- Task directions -
In the data below, find every line with the string "transom" and pull it out.
════
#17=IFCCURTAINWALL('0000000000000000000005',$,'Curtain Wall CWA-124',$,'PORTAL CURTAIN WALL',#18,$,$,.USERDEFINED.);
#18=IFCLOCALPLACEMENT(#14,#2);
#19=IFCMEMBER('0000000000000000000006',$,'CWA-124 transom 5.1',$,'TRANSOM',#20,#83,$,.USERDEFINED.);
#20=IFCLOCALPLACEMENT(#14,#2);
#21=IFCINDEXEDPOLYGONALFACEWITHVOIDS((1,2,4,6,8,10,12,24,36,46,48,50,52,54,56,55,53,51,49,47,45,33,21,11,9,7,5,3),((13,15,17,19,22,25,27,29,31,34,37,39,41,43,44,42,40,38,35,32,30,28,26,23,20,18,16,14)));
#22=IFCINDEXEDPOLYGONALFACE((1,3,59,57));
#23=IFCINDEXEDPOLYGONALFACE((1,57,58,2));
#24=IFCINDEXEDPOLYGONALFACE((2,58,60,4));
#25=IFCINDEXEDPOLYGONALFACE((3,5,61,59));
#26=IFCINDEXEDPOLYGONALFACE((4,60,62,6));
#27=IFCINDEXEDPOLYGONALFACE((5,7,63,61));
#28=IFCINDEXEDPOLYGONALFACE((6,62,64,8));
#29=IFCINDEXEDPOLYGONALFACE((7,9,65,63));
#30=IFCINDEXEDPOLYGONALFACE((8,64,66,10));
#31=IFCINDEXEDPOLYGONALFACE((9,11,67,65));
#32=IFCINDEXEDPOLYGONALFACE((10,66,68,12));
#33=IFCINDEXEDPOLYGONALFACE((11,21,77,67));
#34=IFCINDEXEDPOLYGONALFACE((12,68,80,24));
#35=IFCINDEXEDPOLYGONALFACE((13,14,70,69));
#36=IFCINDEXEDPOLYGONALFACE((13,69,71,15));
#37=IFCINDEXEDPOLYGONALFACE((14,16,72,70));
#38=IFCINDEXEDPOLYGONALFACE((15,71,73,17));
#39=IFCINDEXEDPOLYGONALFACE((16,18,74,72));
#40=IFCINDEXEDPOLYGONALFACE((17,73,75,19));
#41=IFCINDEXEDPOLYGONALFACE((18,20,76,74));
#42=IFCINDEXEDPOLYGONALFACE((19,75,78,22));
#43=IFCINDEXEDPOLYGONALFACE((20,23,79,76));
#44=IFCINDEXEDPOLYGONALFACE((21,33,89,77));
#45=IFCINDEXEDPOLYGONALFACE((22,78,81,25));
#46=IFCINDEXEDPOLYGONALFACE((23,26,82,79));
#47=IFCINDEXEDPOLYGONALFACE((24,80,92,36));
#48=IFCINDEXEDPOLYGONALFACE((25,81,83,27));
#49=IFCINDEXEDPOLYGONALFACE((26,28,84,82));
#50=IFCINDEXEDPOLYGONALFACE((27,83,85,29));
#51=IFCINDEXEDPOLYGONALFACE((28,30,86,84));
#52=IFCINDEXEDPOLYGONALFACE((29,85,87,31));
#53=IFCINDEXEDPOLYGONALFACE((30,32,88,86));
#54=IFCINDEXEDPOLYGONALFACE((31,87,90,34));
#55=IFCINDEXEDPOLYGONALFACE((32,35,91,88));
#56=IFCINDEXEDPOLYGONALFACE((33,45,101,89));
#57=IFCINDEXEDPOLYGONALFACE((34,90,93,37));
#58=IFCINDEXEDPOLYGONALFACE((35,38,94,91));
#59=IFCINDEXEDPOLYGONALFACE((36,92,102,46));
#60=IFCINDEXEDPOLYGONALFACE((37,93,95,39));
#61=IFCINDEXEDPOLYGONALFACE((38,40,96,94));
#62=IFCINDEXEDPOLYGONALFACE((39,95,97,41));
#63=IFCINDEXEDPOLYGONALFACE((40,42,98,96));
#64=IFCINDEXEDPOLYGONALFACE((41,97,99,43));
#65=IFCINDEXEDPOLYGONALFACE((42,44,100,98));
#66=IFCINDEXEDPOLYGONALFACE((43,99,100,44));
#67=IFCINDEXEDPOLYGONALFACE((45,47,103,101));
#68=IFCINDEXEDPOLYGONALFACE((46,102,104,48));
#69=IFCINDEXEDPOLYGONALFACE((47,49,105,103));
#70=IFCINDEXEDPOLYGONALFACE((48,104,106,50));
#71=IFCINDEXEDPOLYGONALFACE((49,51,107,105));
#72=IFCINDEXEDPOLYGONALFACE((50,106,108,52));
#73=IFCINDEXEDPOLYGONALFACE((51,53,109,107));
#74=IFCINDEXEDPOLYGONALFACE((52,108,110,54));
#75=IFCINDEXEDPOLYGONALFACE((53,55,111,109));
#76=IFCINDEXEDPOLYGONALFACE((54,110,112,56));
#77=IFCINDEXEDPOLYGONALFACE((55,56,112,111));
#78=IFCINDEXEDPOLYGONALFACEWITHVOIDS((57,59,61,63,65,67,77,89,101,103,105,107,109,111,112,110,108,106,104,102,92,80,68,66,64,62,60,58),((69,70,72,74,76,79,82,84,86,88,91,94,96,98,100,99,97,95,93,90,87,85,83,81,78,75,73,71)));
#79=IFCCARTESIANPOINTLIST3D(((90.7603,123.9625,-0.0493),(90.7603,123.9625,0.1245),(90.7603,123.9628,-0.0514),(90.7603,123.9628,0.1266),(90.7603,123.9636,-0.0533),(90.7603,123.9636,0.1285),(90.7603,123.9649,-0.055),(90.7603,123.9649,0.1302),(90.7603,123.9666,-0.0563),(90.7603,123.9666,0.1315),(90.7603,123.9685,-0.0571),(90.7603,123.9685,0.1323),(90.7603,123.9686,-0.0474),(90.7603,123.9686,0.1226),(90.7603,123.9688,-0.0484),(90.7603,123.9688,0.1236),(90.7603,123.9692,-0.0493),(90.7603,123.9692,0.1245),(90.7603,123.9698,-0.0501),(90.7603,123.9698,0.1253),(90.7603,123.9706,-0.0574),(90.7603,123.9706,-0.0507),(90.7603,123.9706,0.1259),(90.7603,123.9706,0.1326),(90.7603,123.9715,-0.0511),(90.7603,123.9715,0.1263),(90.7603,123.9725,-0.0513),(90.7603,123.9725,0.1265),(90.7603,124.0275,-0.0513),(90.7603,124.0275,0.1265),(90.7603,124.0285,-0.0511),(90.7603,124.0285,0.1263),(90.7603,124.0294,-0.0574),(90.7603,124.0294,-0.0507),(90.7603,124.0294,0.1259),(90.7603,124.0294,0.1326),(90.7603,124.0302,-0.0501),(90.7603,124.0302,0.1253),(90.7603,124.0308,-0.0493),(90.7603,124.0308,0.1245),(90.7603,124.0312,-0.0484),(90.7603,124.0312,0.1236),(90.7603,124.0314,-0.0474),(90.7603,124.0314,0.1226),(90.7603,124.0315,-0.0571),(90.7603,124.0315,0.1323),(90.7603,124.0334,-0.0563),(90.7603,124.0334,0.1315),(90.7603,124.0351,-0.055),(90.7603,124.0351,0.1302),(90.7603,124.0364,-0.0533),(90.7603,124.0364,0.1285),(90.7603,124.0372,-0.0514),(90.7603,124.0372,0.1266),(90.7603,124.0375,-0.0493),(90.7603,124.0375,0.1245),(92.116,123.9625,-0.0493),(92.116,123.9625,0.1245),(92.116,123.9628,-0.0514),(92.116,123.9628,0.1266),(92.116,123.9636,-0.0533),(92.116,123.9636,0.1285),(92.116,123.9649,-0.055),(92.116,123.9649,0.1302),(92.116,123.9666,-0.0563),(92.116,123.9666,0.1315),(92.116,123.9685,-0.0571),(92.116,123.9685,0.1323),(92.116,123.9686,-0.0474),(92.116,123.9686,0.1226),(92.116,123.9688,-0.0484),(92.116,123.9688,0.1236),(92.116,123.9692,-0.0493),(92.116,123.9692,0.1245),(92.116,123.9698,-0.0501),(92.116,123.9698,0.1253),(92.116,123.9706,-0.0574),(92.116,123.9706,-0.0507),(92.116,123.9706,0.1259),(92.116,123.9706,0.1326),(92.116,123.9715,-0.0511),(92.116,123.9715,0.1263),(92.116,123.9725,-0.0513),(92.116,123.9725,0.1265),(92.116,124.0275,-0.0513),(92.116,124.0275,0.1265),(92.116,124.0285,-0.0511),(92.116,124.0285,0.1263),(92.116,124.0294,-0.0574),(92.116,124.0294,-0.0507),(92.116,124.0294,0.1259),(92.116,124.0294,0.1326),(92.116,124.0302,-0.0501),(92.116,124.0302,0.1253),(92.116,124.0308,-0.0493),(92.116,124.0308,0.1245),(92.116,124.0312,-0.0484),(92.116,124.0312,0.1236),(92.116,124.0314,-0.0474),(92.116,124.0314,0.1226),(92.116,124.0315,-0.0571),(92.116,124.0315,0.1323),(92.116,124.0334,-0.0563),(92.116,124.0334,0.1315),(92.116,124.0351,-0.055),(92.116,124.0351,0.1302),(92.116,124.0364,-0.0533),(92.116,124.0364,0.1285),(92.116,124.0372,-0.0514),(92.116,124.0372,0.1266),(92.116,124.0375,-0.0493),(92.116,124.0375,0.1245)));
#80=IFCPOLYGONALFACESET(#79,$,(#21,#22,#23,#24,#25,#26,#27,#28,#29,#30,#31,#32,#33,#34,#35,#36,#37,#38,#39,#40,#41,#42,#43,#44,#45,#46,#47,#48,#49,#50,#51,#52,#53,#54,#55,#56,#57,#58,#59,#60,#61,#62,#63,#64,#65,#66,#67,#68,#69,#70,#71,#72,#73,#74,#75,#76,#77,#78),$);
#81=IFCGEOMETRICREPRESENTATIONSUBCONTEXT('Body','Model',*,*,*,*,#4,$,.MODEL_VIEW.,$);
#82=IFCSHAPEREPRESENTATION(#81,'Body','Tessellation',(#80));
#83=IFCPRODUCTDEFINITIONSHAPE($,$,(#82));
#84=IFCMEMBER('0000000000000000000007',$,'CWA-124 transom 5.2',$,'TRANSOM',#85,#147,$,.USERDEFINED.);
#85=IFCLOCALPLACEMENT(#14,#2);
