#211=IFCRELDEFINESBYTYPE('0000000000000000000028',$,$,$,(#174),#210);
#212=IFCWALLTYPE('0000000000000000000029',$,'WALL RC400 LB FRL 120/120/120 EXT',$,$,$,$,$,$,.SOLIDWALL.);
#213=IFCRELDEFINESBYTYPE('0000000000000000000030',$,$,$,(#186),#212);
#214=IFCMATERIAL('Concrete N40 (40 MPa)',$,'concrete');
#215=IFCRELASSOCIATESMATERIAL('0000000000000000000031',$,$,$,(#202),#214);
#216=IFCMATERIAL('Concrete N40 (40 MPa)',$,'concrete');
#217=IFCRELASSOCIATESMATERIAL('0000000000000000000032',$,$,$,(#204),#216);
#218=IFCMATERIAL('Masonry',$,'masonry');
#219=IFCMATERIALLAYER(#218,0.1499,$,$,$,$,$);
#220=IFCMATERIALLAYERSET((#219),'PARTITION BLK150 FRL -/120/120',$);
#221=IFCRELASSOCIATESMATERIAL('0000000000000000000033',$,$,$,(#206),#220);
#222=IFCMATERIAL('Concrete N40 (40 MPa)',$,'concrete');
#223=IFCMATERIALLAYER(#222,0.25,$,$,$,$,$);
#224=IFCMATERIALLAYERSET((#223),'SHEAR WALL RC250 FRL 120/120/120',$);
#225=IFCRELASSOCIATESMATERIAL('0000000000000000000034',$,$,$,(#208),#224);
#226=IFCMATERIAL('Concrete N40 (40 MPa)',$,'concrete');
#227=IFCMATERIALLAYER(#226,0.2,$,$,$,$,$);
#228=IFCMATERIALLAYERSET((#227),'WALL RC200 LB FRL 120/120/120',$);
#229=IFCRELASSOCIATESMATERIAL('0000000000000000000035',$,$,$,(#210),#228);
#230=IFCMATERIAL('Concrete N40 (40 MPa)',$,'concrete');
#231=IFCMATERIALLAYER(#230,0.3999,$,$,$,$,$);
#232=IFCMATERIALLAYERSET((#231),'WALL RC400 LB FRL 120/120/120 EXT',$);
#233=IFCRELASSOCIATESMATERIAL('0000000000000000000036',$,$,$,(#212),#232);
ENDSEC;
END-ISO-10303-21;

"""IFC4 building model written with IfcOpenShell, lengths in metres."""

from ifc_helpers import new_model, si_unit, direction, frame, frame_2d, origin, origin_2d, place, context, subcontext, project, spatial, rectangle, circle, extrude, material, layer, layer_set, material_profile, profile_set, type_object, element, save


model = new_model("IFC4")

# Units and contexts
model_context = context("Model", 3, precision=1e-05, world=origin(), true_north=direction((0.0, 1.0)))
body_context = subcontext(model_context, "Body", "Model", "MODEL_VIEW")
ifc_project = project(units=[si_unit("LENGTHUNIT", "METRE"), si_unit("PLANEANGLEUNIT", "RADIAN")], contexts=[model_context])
════
- The completed task -
#19=IFCMEMBER('0000000000000000000006',$,'CWA-124 transom 5.1',$,'TRANSOM',#20,#83,$,.USERDEFINED.);
#84=IFCMEMBER('0000000000000000000007',$,'CWA-124 transom 5.2',$,'TRANSOM',#85,#147,$,.USERDEFINED.);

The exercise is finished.